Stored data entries
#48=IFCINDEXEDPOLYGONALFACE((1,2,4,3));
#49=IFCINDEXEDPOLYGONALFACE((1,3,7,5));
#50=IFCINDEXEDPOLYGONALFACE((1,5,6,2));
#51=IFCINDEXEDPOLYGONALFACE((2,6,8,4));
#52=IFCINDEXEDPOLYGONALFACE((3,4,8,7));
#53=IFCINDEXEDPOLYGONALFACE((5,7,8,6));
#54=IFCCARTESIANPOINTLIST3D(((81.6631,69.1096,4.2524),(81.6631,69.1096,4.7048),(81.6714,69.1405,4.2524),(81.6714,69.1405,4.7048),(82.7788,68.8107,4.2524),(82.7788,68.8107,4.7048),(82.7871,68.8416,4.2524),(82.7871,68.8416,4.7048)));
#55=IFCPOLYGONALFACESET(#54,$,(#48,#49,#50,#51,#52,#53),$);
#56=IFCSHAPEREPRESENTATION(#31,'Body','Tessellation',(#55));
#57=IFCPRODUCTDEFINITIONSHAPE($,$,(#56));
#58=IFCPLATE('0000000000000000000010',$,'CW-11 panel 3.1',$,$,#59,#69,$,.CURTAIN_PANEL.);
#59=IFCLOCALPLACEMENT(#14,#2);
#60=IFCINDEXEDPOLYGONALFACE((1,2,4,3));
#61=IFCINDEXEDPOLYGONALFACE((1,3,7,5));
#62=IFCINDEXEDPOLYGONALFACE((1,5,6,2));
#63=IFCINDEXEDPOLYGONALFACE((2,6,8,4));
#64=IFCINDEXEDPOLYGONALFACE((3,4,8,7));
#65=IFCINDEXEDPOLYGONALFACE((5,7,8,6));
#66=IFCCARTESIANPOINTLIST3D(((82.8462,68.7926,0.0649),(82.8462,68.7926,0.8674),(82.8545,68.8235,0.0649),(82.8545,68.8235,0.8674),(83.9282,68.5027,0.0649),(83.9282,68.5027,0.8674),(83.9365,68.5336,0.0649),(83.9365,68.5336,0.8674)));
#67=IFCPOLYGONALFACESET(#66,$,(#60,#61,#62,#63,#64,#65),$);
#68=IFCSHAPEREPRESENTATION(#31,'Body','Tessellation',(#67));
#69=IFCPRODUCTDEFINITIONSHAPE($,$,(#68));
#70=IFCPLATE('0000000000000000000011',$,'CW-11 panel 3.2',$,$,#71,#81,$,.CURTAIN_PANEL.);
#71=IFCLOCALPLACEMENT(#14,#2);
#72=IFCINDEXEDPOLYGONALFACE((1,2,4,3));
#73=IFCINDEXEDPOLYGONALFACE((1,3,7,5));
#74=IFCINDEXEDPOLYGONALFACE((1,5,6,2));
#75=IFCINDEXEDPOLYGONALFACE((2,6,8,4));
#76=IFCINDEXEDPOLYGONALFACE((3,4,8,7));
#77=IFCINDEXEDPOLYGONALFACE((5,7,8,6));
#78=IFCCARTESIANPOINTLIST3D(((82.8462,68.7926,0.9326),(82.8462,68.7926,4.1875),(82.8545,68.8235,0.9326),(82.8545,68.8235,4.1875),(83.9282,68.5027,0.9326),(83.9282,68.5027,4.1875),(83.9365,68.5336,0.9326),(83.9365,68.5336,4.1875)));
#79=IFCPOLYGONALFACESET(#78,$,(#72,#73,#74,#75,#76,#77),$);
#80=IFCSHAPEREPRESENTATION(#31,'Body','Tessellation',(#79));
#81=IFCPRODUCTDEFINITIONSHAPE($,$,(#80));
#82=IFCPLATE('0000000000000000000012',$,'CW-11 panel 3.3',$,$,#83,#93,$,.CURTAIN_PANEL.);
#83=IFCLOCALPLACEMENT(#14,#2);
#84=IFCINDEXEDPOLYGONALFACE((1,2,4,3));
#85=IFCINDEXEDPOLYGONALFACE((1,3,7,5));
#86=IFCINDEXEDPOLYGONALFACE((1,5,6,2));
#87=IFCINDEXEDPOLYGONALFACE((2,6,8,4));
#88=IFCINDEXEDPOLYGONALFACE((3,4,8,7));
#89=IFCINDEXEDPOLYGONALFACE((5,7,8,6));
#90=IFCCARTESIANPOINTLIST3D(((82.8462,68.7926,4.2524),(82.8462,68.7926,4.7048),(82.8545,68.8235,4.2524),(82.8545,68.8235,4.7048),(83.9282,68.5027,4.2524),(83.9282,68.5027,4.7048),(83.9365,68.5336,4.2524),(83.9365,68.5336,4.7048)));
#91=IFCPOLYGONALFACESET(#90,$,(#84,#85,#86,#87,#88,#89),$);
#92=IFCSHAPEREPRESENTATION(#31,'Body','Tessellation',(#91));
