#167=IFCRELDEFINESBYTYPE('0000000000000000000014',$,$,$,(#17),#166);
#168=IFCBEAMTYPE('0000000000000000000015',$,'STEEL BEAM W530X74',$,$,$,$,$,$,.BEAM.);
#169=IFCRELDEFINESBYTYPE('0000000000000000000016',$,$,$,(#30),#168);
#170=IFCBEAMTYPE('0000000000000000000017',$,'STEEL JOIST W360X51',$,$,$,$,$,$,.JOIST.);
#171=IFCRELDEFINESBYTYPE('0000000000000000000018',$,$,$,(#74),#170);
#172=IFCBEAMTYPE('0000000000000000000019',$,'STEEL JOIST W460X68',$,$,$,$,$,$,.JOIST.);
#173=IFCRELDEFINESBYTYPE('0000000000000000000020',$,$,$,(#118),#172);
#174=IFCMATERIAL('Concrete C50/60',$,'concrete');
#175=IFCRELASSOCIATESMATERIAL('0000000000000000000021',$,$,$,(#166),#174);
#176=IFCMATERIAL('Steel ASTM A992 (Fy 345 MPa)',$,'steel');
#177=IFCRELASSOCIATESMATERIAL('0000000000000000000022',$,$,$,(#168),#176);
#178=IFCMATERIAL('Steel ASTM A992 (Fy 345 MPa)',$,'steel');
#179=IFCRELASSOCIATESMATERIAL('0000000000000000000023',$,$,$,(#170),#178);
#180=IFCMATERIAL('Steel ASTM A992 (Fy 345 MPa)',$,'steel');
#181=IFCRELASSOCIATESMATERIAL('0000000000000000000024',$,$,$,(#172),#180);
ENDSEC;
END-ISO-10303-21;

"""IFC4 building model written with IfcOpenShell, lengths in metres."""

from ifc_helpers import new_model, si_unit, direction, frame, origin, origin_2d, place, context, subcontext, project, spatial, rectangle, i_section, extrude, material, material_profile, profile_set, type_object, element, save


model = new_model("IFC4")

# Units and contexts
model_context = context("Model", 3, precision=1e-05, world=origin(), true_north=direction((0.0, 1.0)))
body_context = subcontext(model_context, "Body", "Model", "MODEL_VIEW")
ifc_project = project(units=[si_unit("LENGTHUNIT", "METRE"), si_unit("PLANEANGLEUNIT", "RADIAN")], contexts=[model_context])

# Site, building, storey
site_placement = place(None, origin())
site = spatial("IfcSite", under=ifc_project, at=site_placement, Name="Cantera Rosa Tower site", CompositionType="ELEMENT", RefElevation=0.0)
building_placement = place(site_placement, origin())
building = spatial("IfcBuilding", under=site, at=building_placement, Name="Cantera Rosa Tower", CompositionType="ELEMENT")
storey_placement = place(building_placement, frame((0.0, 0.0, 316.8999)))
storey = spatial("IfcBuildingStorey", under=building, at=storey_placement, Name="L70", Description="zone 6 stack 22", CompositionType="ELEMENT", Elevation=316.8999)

Task directions :: If a line in the data above holds the string "IFCBEAMTYPE", copy it.

Result of this exercise ::
#168=IFCBEAMTYPE('0000000000000000000015',$,'STEEL BEAM W530X74',$,$,$,$,$,$,.BEAM.);
#170=IFCBEAMTYPE('0000000000000000000017',$,'STEEL JOIST W360X51',$,$,$,$,$,$,.JOIST.);
#172=IFCBEAMTYPE('0000000000000000000019',$,'STEEL JOIST W460X68',$,$,$,$,$,$,.JOIST.);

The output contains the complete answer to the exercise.